"""

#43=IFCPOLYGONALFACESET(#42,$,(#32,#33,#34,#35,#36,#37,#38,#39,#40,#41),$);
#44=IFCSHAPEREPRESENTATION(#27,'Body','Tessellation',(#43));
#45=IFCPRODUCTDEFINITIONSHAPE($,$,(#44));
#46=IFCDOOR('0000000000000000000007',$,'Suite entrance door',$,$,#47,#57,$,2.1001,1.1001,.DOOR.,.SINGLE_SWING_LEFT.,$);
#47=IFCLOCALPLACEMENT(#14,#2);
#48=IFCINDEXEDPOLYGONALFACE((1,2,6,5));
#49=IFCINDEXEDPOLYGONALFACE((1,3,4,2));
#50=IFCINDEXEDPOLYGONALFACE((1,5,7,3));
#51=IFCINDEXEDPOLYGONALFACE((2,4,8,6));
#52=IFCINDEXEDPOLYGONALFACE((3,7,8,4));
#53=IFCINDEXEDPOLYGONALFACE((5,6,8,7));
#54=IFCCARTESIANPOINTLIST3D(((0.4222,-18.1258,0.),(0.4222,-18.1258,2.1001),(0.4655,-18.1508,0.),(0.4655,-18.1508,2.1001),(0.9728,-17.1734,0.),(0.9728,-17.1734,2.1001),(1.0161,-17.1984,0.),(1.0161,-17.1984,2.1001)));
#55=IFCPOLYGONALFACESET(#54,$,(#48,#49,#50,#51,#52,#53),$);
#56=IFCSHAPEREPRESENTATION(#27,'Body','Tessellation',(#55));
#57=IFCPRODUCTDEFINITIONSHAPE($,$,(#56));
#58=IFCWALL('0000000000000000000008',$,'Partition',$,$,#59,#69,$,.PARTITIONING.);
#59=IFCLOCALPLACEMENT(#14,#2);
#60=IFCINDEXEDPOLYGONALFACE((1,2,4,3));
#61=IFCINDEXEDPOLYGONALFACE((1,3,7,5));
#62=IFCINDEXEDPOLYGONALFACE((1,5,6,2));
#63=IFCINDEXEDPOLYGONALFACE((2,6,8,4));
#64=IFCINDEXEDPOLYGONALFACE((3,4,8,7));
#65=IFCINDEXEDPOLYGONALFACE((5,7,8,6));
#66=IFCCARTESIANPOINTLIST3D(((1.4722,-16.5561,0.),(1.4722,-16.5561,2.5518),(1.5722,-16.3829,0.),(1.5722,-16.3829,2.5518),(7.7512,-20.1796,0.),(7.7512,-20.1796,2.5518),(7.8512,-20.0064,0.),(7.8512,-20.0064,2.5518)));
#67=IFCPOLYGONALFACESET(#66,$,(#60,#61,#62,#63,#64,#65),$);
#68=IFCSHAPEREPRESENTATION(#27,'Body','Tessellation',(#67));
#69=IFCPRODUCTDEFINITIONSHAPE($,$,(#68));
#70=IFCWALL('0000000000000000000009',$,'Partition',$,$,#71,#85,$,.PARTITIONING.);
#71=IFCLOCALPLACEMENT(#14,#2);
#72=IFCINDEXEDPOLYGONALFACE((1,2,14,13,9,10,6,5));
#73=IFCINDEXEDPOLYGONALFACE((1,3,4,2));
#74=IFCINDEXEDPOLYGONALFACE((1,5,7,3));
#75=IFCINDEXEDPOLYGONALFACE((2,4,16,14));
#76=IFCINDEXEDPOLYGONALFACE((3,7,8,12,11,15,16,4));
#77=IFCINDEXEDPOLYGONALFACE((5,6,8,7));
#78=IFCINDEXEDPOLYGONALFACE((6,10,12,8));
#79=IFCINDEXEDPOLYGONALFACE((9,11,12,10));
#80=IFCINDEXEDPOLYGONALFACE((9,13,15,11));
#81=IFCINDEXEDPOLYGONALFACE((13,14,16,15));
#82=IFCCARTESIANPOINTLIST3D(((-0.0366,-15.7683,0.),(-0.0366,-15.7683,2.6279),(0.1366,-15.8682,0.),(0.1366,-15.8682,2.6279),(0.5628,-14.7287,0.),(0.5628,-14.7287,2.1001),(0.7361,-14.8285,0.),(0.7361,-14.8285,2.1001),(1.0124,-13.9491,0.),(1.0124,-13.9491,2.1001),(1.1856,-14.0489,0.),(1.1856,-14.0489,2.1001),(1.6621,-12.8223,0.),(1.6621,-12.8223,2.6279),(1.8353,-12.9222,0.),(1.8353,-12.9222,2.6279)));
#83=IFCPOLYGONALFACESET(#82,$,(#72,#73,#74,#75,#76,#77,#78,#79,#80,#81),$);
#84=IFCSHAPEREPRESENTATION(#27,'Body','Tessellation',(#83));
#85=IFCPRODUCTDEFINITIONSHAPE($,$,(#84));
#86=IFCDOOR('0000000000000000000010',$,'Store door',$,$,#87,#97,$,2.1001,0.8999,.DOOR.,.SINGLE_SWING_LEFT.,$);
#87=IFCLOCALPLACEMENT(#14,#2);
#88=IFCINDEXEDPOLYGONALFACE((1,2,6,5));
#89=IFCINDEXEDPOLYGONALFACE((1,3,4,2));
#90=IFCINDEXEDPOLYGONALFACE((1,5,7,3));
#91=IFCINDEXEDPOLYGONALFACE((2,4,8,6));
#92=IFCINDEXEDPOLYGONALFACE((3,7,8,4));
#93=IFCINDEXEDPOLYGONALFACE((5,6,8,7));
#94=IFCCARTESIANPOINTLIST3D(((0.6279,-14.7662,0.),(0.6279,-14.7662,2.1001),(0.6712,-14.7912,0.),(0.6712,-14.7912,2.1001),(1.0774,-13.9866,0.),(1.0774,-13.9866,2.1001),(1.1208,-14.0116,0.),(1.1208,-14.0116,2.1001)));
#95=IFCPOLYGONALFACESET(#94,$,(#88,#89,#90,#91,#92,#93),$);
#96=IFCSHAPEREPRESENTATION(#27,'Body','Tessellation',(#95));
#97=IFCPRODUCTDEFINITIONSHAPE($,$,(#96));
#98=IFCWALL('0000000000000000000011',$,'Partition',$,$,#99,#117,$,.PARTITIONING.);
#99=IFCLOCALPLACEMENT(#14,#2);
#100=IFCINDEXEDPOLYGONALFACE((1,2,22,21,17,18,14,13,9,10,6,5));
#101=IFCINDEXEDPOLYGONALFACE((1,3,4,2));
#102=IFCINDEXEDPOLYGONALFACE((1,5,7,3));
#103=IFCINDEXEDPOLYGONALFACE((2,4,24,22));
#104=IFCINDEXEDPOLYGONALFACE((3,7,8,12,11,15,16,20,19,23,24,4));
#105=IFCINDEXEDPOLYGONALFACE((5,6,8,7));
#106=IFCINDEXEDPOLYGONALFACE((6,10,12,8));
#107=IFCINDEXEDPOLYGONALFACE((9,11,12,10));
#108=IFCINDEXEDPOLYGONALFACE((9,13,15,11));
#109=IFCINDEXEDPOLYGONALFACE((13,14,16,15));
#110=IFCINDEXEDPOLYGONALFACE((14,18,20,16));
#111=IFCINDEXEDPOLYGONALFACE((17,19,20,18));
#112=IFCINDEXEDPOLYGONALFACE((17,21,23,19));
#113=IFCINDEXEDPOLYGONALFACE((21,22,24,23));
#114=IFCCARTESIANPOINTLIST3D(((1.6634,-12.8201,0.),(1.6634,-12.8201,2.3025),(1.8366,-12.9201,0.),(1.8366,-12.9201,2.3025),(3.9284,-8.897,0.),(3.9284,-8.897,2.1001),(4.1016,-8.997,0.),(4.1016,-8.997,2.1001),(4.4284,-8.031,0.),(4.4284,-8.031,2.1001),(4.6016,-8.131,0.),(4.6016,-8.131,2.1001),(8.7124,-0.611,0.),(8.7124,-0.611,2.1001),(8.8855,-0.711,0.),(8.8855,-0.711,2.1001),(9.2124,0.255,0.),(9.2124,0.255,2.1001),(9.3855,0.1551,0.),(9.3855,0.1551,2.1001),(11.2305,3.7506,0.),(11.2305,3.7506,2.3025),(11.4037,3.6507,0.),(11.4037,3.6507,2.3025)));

"""

◆ INSTRUCTIONS FOR THE TASK ◆
Please copy, exactly and with nothing else, the lines above beginning at the line that has "#71=IFCLOCALPLACEMENT(#14,#2);" and ending with the line that has "#77=IFCINDEXEDPOLYGONALFACE((5,6,8,7));".

◆ TASK SOLUTION ◆
#71=IFCLOCALPLACEMENT(#14,#2);
#72=IFCINDEXEDPOLYGONALFACE((1,2,14,13,9,10,6,5));
#73=IFCINDEXEDPOLYGONALFACE((1,3,4,2));
#74=IFCINDEXEDPOLYGONALFACE((1,5,7,3));
#75=IFCINDEXEDPOLYGONALFACE((2,4,16,14));
#76=IFCINDEXEDPOLYGONALFACE((3,7,8,12,11,15,16,4));
#77=IFCINDEXEDPOLYGONALFACE((5,6,8,7));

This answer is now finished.